What you have to do >> From the top of the entries below through the line containing "frame((0.0, 0.0, 242.6399)))", return every line exactly as written, please, and stop there.

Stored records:
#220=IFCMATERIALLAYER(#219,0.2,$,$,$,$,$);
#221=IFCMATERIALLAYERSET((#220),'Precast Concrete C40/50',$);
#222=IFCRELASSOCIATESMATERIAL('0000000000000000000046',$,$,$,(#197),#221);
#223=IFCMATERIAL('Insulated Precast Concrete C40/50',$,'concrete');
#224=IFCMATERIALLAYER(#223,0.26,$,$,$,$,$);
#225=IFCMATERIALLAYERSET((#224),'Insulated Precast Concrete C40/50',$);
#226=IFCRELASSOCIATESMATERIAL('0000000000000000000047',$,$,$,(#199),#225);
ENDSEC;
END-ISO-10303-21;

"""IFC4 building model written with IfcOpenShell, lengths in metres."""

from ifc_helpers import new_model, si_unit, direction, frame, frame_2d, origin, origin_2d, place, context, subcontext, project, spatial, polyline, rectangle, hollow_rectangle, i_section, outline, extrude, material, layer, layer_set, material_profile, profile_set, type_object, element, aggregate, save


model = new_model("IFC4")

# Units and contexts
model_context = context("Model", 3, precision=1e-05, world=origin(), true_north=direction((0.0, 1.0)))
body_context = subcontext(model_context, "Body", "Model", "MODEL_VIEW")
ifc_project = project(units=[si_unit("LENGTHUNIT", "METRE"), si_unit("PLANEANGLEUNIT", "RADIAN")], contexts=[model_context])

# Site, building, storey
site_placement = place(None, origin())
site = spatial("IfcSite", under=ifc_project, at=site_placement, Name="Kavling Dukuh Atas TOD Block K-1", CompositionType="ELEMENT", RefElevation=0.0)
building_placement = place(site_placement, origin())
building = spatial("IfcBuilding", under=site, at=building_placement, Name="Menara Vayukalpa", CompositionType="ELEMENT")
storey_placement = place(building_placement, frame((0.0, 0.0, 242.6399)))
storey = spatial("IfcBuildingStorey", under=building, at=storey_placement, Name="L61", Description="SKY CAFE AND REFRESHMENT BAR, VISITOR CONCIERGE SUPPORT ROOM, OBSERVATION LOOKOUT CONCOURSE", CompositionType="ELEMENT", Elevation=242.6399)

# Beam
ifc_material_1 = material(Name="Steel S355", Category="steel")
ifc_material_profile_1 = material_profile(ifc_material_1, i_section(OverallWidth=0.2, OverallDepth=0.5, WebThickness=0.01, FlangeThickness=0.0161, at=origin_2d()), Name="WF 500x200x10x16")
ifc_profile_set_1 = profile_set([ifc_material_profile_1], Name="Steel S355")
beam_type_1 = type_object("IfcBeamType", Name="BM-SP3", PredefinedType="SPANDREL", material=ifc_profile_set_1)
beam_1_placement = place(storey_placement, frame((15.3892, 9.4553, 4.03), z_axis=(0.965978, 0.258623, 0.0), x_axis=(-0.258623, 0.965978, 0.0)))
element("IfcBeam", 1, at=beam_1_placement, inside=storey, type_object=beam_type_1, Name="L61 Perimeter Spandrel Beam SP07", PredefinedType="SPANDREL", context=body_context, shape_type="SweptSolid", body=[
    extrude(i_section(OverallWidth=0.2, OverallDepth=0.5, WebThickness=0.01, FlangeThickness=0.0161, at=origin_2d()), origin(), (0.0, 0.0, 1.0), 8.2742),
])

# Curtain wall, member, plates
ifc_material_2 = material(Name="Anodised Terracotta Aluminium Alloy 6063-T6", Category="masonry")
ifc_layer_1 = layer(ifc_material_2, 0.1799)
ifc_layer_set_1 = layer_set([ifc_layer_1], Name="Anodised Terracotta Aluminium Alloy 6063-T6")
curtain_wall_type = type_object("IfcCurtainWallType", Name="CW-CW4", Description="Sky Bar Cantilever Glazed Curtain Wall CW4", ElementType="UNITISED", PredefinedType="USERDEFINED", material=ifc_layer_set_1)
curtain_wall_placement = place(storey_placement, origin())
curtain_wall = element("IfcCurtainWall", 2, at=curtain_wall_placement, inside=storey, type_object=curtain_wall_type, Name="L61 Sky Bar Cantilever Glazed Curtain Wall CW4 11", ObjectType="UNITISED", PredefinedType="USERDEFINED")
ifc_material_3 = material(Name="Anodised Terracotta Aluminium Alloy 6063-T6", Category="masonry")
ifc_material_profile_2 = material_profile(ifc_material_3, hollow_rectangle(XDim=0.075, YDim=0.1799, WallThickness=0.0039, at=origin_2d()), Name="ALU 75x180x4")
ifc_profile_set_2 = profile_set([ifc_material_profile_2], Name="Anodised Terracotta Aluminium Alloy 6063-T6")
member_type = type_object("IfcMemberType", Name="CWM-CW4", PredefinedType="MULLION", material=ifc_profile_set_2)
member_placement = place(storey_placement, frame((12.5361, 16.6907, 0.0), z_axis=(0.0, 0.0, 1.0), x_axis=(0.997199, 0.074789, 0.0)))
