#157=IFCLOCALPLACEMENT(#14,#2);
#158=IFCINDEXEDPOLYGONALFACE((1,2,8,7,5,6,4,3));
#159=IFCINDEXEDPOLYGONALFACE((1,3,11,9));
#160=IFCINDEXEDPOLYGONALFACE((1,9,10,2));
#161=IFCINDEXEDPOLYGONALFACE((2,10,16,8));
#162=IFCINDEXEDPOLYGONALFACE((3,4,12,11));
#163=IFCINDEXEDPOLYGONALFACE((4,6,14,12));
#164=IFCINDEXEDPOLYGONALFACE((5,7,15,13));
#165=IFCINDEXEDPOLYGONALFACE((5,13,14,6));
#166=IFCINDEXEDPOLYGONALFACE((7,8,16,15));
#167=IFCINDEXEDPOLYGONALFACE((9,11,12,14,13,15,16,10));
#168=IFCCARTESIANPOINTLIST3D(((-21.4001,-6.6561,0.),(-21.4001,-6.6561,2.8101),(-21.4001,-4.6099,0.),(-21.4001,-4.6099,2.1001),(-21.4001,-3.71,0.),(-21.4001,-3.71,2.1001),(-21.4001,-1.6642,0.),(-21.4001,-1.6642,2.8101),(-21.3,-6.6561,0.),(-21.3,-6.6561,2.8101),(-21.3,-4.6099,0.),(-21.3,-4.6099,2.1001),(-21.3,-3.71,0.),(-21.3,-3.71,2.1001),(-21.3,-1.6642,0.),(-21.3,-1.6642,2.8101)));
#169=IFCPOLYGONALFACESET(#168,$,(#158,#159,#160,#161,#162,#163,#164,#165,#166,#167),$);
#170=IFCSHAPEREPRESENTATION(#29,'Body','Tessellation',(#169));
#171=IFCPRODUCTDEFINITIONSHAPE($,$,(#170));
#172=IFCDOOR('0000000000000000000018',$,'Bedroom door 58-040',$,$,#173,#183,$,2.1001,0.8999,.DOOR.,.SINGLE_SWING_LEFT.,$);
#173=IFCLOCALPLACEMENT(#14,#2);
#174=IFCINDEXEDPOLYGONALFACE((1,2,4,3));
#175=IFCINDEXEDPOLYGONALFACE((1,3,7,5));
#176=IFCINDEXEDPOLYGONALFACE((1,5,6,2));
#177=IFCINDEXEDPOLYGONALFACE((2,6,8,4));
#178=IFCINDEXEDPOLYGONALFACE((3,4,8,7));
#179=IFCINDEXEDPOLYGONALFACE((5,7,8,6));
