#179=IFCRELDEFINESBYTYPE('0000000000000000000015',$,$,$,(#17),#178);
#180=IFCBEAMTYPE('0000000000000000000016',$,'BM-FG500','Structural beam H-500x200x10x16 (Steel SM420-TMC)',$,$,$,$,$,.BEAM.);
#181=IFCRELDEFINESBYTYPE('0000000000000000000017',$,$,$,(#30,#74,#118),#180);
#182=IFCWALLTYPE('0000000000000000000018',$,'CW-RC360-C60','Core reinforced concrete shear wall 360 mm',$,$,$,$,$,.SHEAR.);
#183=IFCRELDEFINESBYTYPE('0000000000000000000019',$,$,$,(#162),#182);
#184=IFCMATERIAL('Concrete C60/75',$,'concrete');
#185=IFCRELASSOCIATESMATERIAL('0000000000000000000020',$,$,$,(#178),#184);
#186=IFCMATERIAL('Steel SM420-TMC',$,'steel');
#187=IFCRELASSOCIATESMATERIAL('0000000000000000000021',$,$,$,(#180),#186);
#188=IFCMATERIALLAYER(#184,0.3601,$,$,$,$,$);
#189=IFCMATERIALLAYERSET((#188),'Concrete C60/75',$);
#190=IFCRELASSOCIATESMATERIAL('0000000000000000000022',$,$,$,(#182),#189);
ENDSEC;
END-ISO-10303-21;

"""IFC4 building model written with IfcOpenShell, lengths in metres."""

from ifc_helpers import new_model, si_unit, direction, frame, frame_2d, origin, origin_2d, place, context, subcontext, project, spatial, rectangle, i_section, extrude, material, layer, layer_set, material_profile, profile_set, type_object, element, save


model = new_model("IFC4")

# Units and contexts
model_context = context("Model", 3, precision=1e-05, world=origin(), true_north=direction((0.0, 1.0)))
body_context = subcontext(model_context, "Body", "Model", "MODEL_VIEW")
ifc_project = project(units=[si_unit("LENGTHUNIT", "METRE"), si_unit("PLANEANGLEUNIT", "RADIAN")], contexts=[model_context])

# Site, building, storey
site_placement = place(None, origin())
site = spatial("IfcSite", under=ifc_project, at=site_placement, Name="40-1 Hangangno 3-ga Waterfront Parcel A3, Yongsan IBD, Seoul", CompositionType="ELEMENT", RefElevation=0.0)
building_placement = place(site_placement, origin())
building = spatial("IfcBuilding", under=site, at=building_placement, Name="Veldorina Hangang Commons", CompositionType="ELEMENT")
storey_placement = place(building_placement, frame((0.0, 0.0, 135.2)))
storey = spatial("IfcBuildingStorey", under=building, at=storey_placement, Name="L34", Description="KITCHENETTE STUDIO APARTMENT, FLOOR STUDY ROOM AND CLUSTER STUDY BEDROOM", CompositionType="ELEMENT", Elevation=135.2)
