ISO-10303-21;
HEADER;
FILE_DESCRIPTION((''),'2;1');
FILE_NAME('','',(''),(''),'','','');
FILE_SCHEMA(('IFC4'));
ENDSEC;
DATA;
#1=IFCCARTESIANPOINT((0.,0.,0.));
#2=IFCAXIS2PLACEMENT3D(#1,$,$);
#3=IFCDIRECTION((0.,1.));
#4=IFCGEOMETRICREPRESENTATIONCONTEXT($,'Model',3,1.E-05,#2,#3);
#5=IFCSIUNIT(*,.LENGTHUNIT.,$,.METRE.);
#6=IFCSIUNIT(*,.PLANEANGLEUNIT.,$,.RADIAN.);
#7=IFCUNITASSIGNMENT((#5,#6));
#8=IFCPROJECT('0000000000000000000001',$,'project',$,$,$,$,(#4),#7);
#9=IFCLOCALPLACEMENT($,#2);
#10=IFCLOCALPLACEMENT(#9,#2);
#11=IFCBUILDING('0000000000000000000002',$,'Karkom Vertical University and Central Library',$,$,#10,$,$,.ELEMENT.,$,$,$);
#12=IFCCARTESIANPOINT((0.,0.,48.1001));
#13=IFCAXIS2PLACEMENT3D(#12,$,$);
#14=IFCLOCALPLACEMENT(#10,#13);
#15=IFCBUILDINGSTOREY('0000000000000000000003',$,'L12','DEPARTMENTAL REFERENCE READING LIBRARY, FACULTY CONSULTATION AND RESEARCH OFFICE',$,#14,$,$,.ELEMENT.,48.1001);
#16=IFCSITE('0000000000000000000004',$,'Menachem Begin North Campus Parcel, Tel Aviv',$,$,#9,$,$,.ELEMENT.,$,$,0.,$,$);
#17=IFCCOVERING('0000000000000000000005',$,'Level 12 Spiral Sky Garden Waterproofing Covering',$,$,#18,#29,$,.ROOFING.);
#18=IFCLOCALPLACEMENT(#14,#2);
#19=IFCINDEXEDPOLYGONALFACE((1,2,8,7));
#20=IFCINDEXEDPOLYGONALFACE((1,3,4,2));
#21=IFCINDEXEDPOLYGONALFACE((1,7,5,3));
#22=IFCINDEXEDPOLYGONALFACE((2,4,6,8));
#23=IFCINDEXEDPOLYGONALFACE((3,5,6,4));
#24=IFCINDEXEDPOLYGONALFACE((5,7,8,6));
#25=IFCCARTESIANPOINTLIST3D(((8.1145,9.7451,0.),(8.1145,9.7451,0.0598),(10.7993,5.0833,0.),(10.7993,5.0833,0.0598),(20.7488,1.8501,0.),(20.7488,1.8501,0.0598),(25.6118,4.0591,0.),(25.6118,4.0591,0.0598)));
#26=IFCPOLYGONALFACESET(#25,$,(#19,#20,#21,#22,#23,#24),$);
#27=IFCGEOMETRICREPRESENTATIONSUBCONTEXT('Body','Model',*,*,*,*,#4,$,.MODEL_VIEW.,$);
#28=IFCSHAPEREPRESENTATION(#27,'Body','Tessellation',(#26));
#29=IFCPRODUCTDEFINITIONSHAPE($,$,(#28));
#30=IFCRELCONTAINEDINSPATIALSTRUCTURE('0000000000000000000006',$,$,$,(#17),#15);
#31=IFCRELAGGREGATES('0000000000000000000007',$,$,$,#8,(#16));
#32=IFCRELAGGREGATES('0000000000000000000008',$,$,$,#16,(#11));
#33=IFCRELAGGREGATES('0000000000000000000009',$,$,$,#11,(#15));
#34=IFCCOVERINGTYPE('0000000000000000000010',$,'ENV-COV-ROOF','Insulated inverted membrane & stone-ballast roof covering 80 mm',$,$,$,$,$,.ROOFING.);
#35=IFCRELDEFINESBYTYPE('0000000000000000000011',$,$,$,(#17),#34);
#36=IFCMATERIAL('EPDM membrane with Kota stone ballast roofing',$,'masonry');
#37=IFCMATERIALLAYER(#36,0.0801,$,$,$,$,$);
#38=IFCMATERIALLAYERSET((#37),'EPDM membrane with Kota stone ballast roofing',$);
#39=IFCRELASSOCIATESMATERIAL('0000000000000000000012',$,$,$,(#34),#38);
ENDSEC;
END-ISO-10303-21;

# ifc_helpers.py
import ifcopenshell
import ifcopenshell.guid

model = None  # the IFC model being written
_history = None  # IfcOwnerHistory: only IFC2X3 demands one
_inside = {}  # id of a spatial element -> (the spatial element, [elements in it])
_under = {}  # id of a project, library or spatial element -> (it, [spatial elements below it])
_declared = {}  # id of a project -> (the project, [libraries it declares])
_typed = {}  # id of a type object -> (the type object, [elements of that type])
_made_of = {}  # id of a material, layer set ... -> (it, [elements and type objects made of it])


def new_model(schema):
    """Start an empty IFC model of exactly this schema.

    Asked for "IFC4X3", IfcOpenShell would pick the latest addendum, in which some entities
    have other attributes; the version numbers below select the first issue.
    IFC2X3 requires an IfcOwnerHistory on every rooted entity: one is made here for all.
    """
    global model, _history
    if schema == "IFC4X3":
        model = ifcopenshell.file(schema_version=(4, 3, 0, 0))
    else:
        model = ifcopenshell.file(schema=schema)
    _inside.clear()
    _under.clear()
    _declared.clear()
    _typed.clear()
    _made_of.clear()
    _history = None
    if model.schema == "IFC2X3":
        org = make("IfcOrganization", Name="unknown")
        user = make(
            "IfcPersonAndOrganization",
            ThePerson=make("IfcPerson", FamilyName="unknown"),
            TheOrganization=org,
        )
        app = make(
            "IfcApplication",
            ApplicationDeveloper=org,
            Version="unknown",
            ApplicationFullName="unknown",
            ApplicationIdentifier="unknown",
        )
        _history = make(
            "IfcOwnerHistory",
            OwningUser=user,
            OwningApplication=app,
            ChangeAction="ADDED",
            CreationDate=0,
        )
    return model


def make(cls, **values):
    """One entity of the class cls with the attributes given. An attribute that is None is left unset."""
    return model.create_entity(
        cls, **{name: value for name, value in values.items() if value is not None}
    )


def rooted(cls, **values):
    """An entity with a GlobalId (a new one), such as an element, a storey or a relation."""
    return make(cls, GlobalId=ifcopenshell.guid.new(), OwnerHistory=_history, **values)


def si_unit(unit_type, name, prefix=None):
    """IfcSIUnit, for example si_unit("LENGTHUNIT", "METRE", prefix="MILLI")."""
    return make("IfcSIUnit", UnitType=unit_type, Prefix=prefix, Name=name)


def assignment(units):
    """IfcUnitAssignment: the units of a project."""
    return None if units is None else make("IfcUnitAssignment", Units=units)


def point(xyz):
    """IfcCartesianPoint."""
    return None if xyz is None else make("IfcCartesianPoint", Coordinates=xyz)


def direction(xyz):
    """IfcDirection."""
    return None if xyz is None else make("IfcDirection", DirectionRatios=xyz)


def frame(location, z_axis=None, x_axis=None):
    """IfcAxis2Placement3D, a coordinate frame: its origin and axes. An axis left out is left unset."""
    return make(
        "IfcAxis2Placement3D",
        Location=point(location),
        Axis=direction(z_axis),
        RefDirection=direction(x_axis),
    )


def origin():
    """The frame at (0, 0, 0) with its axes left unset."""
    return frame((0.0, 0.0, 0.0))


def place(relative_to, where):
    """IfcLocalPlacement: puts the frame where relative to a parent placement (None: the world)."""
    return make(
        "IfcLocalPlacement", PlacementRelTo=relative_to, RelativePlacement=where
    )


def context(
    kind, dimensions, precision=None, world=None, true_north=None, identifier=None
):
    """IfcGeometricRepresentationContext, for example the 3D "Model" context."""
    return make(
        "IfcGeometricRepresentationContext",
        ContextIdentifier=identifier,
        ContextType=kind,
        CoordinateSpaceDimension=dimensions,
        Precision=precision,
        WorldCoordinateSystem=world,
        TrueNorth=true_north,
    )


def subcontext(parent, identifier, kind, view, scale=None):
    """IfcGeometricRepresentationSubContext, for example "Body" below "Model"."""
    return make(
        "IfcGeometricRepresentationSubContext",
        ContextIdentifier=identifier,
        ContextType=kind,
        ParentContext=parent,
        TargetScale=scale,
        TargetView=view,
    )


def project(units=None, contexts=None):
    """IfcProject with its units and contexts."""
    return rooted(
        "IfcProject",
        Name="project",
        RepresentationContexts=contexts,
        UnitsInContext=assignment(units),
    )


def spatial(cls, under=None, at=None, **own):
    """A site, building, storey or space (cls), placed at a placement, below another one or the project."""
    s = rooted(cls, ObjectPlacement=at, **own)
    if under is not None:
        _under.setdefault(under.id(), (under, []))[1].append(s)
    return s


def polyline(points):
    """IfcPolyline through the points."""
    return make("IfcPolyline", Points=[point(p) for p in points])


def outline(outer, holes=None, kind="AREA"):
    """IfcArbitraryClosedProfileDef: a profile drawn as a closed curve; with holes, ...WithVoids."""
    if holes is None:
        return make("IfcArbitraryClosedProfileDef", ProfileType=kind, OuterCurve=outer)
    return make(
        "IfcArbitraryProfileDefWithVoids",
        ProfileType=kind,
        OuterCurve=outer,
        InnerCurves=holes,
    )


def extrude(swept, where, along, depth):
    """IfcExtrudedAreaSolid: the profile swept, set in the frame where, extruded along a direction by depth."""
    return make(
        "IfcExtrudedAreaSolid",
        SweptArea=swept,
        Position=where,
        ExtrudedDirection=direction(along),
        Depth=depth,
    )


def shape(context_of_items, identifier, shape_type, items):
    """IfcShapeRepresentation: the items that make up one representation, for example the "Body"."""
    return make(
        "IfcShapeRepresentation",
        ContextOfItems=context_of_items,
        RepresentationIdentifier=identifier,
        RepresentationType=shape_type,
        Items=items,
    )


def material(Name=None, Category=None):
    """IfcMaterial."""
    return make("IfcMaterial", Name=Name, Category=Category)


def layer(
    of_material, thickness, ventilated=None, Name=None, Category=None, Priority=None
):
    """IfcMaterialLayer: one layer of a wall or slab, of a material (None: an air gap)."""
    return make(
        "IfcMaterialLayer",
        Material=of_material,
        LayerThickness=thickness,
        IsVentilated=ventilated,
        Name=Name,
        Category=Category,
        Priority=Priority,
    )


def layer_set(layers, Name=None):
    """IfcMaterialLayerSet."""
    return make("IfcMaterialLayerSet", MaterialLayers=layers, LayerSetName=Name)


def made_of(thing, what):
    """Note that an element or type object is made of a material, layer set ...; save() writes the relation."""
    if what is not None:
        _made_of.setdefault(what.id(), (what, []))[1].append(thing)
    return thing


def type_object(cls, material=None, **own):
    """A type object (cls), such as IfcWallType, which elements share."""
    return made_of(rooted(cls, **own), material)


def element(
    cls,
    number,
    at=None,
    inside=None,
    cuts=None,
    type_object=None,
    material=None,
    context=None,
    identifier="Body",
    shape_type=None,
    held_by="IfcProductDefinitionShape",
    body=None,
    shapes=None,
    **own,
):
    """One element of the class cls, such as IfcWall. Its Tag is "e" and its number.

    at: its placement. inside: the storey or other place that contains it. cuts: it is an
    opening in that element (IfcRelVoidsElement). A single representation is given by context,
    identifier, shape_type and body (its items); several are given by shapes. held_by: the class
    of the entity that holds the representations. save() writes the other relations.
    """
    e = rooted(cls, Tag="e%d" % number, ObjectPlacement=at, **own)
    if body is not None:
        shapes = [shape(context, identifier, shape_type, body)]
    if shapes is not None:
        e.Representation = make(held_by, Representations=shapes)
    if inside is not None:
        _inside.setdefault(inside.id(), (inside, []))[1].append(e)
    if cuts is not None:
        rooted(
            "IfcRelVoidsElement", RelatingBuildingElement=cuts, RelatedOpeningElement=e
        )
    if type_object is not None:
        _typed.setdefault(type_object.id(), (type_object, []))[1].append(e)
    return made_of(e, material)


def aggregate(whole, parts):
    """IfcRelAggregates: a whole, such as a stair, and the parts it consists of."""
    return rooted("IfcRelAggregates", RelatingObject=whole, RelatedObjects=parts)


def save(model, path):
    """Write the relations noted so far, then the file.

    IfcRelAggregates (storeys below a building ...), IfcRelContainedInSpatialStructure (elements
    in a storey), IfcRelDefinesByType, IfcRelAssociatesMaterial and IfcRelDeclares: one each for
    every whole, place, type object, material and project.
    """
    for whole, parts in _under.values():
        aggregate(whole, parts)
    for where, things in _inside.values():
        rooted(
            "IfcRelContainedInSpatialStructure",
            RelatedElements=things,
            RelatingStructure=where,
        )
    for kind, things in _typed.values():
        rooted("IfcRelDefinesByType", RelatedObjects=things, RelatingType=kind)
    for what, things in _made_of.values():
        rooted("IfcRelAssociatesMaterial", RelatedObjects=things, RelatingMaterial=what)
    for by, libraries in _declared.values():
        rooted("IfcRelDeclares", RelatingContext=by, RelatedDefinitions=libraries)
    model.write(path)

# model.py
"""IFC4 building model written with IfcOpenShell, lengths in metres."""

from ifc_helpers import new_model, si_unit, direction, frame, origin, place, context, subcontext, project, spatial, polyline, outline, extrude, material, layer, layer_set, type_object, element, save


model = new_model("IFC4")

# Units and contexts
model_context = context("Model", 3, precision=1e-05, world=origin(), true_north=direction((0.0, 1.0)))
body_context = subcontext(model_context, "Body", "Model", "MODEL_VIEW")
ifc_project = project(units=[si_unit("LENGTHUNIT", "METRE"), si_unit("PLANEANGLEUNIT", "RADIAN")], contexts=[model_context])

# Site, building, storey
site_placement = place(None, origin())
site = spatial("IfcSite", under=ifc_project, at=site_placement, Name="Menachem Begin North Campus Parcel, Tel Aviv", CompositionType="ELEMENT", RefElevation=0.0)
building_placement = place(site_placement, origin())
building = spatial("IfcBuilding", under=site, at=building_placement, Name="Karkom Vertical University and Central Library", CompositionType="ELEMENT")
storey_placement = place(building_placement, frame((0.0, 0.0, 48.1001)))
storey = spatial("IfcBuildingStorey", under=building, at=storey_placement, Name="L12", Description="DEPARTMENTAL REFERENCE READING LIBRARY, FACULTY CONSULTATION AND RESEARCH OFFICE", CompositionType="ELEMENT", Elevation=48.1001)

# Covering
ifc_material_1 = material(Name="EPDM membrane with Kota stone ballast roofing", Category="masonry")
ifc_layer_1 = layer(ifc_material_1, 0.0801)
ifc_layer_set_1 = layer_set([ifc_layer_1], Name="EPDM membrane with Kota stone ballast roofing")
covering_type = type_object("IfcCoveringType", Name="ENV-COV-ROOF", Description="Insulated inverted membrane & stone-ballast roof covering 80 mm", PredefinedType="ROOFING", material=ifc_layer_set_1)
covering_placement = place(storey_placement, origin())
element("IfcCovering", 1, at=covering_placement, inside=storey, type_object=covering_type, Name="Level 12 Spiral Sky Garden Waterproofing Covering", PredefinedType="ROOFING", context=body_context, shape_type="SweptSolid", body=[
    extrude(outline(polyline([(20.7488, 1.8501), (10.7993, 5.0833), (8.1145, 9.7451), (25.6118, 4.0591), (20.7488, 1.8501)])), origin(), (0.0, 0.0, 1.0), 0.0598),
])

save(model, "model.ifc")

Written answer >>
#220=IFCMATERIALLAYER(#219,0.2,$,$,$,$,$);
#221=IFCMATERIALLAYERSET((#220),'Precast Concrete C40/50',$);
#222=IFCRELASSOCIATESMATERIAL('0000000000000000000046',$,$,$,(#197),#221);
#223=IFCMATERIAL('Insulated Precast Concrete C40/50',$,'concrete');
#224=IFCMATERIALLAYER(#223,0.26,$,$,$,$,$);
#225=IFCMATERIALLAYERSET((#224),'Insulated Precast Concrete C40/50',$);
#226=IFCRELASSOCIATESMATERIAL('0000000000000000000047',$,$,$,(#199),#225);
ENDSEC;
END-ISO-10303-21;

"""IFC4 building model written with IfcOpenShell, lengths in metres."""

from ifc_helpers import new_model, si_unit, direction, frame, frame_2d, origin, origin_2d, place, context, subcontext, project, spatial, polyline, rectangle, hollow_rectangle, i_section, outline, extrude, material, layer, layer_set, material_profile, profile_set, type_object, element, aggregate, save


model = new_model("IFC4")

# Units and contexts
model_context = context("Model", 3, precision=1e-05, world=origin(), true_north=direction((0.0, 1.0)))
body_context = subcontext(model_context, "Body", "Model", "MODEL_VIEW")
ifc_project = project(units=[si_unit("LENGTHUNIT", "METRE"), si_unit("PLANEANGLEUNIT", "RADIAN")], contexts=[model_context])

# Site, building, storey
site_placement = place(None, origin())
site = spatial("IfcSite", under=ifc_project, at=site_placement, Name="Kavling Dukuh Atas TOD Block K-1", CompositionType="ELEMENT", RefElevation=0.0)
building_placement = place(site_placement, origin())
building = spatial("IfcBuilding", under=site, at=building_placement, Name="Menara Vayukalpa", CompositionType="ELEMENT")
storey_placement = place(building_placement, frame((0.0, 0.0, 242.6399)))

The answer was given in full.